Lines to restate from the data below: from the one containing "#149=IFCRELAGGREGATES('0000000000000000000008',$,$,$,#16,(#11));" to the one containing "#153=IFCMATERIAL('Stainless steel handrail',$,'steel');", both included. Give them again exactly, and only them.

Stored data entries
□ □ □ □
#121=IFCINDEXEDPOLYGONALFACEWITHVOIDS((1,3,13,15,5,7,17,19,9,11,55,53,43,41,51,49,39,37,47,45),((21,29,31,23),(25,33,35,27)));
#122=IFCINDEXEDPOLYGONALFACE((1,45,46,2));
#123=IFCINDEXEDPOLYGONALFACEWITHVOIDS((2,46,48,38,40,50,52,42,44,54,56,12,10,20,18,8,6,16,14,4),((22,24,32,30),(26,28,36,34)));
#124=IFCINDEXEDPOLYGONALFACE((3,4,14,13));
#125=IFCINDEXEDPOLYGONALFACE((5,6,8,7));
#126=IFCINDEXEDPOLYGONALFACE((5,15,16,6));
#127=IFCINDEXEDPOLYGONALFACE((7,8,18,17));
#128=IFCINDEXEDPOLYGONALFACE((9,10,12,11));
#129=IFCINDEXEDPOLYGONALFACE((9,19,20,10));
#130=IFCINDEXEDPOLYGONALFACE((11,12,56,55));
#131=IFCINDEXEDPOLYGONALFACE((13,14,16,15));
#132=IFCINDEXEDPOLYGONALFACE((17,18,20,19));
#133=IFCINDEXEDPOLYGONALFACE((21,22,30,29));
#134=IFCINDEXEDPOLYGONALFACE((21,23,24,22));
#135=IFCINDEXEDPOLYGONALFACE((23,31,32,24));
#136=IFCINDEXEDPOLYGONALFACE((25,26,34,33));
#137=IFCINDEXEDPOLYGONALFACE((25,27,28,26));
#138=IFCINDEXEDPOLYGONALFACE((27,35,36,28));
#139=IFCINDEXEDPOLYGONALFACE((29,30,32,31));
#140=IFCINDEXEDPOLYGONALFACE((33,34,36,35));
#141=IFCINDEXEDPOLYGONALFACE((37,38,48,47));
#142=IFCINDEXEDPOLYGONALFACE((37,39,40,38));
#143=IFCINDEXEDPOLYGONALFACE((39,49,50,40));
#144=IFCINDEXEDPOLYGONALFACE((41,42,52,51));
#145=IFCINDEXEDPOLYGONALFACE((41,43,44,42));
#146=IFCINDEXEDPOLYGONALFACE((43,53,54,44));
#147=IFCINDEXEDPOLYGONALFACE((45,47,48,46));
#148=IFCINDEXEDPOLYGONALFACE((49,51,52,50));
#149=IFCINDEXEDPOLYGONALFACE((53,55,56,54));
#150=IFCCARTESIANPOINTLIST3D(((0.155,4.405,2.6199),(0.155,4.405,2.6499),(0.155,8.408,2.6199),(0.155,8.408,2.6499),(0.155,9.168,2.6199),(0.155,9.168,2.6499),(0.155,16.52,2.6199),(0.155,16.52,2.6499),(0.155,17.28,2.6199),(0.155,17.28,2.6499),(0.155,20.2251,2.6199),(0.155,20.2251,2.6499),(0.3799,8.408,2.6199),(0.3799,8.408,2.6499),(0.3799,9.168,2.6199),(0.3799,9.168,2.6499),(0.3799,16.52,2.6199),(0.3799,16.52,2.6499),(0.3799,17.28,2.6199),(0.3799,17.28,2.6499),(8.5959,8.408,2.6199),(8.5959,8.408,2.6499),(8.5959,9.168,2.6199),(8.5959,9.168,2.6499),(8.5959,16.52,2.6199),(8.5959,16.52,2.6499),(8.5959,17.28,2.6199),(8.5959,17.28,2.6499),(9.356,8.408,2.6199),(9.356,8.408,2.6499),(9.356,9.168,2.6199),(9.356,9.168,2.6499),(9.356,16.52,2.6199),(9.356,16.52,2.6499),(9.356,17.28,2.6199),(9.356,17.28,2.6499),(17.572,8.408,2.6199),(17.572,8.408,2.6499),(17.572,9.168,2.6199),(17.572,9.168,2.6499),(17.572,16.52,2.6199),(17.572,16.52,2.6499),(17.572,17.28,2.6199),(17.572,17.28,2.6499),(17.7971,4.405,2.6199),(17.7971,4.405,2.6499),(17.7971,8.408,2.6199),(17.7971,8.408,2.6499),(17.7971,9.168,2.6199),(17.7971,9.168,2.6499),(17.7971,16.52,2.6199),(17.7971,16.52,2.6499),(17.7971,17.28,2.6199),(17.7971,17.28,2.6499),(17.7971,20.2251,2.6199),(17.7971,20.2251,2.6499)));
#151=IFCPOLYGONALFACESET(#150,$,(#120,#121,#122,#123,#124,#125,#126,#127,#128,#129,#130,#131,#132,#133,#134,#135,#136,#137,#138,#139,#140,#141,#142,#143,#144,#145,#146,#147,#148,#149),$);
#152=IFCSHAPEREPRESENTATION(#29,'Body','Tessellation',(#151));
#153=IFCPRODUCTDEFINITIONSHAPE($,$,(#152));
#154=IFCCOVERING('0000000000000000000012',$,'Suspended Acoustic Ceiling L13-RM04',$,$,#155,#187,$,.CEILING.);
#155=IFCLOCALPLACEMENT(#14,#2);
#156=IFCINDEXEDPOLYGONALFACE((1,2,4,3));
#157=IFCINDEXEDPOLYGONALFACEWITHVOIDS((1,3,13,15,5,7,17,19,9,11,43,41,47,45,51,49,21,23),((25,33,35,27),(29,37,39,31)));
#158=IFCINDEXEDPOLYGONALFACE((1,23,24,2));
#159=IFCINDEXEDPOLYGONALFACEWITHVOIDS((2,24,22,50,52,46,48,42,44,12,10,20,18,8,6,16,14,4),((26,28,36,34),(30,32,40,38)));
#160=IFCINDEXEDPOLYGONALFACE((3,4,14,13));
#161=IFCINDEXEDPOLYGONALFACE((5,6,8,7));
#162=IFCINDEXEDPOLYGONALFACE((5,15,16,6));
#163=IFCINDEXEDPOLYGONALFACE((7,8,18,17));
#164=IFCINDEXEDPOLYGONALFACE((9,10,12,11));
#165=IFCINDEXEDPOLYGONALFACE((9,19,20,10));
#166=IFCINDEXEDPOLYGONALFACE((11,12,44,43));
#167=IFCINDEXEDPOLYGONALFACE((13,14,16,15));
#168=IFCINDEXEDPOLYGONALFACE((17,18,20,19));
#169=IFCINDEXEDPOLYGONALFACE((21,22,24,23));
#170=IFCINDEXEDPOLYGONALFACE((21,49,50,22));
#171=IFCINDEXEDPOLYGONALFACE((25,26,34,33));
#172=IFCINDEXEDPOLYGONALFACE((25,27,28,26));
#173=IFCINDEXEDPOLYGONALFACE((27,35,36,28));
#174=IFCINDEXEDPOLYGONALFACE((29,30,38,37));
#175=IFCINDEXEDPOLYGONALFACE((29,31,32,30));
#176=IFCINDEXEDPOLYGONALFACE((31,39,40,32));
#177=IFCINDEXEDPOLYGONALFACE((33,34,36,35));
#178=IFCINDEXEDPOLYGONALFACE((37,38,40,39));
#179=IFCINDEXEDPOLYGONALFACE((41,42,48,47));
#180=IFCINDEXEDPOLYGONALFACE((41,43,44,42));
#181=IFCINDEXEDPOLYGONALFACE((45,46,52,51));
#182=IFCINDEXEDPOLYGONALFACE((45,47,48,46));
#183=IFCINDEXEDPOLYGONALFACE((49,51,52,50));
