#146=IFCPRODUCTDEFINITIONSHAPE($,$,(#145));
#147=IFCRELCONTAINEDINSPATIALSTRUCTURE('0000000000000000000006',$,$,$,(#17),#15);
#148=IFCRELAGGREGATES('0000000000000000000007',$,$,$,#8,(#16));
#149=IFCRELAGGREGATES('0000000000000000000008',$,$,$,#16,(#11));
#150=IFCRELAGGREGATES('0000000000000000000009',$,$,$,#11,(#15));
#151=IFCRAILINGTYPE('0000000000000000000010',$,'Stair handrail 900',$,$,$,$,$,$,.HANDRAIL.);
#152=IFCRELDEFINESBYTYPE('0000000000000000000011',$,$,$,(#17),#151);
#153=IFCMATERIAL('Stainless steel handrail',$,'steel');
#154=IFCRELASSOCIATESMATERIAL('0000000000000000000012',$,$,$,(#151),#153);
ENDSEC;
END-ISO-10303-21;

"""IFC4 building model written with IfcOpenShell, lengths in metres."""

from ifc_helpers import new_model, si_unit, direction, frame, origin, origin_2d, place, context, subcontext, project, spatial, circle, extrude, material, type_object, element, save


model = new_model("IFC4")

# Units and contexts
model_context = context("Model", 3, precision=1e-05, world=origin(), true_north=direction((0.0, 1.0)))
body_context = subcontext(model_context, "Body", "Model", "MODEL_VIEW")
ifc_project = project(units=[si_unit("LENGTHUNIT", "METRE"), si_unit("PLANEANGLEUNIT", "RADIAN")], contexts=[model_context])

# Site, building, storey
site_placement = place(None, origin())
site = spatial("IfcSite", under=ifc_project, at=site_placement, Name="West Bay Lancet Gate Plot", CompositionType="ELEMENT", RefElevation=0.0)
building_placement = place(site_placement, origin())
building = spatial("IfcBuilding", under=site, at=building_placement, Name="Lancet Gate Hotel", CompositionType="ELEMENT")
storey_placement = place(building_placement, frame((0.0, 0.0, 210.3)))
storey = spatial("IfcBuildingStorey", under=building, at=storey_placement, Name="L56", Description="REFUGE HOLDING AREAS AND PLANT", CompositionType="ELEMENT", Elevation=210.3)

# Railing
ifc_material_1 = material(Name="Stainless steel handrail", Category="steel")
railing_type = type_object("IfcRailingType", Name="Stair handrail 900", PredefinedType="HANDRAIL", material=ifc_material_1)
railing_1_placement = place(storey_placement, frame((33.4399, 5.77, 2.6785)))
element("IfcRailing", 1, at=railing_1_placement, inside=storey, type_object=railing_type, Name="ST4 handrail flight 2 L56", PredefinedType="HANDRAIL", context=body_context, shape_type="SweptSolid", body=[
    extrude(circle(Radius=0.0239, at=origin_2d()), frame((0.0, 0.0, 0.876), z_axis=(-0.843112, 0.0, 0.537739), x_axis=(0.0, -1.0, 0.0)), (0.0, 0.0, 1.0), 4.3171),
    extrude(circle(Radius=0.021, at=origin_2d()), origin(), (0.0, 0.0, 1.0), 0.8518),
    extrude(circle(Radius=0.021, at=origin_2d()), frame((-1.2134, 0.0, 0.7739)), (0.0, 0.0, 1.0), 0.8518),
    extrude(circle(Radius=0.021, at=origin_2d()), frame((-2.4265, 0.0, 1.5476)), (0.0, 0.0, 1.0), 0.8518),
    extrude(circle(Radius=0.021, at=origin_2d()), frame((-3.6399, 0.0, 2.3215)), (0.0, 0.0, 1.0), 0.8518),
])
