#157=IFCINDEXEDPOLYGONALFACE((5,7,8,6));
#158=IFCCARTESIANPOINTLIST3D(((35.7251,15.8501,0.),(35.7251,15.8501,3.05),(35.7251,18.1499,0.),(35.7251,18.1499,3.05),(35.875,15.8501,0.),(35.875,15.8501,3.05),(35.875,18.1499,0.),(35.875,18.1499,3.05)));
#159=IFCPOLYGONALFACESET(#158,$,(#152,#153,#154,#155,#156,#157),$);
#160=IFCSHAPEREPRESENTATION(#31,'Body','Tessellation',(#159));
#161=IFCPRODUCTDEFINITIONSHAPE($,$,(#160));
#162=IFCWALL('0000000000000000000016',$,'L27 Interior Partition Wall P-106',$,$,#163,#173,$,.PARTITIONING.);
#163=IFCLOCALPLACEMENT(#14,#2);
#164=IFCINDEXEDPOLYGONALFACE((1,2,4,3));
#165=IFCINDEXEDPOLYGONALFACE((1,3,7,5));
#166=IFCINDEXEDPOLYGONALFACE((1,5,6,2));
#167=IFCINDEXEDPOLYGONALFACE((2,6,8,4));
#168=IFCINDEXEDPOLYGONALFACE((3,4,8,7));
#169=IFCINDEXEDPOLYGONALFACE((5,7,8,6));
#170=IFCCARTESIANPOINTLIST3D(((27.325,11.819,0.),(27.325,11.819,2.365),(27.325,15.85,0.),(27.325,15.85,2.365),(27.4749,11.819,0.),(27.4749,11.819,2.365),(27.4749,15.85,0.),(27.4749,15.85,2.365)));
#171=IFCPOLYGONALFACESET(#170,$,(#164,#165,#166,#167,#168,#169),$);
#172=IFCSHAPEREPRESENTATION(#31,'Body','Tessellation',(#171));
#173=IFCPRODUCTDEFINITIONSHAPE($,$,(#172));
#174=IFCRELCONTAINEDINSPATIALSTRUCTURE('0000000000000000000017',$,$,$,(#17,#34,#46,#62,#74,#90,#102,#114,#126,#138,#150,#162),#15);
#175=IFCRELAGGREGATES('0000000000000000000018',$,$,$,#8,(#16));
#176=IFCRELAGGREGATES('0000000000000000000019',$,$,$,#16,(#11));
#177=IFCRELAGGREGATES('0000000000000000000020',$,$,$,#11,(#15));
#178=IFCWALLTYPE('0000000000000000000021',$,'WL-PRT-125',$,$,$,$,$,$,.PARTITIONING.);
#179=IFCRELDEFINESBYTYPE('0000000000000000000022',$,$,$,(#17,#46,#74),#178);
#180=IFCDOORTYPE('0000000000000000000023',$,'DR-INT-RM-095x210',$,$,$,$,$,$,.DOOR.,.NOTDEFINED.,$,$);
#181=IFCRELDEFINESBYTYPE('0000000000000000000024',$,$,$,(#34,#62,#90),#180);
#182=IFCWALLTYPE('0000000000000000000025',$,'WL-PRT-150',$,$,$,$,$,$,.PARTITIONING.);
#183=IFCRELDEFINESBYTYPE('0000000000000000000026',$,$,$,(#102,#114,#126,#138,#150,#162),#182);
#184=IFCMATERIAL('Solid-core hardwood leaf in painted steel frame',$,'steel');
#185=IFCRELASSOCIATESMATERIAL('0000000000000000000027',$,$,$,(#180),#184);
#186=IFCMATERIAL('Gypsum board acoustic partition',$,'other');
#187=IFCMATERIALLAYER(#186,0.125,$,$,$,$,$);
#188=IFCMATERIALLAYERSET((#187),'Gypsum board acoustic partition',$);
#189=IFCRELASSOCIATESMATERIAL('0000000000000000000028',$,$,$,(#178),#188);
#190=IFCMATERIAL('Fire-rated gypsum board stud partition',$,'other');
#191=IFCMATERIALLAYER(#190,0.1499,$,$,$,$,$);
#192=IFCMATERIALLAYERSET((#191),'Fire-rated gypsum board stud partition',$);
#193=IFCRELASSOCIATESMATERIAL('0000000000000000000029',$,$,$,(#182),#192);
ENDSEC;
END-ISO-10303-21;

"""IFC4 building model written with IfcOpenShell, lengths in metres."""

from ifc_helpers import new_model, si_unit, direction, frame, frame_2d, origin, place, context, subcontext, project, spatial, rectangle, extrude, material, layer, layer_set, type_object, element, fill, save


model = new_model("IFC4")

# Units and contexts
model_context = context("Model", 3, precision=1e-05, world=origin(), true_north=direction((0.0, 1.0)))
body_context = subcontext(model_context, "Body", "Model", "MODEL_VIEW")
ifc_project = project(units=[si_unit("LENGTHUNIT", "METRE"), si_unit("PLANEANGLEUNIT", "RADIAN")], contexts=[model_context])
□ □ □ □
> _FINAL ANSWER_
#149=IFCRELAGGREGATES('0000000000000000000008',$,$,$,#16,(#11));
#150=IFCRELAGGREGATES('0000000000000000000009',$,$,$,#11,(#15));
#151=IFCRAILINGTYPE('0000000000000000000010',$,'Stair handrail 900',$,$,$,$,$,$,.HANDRAIL.);
#152=IFCRELDEFINESBYTYPE('0000000000000000000011',$,$,$,(#17),#151);
#153=IFCMATERIAL('Stainless steel handrail',$,'steel');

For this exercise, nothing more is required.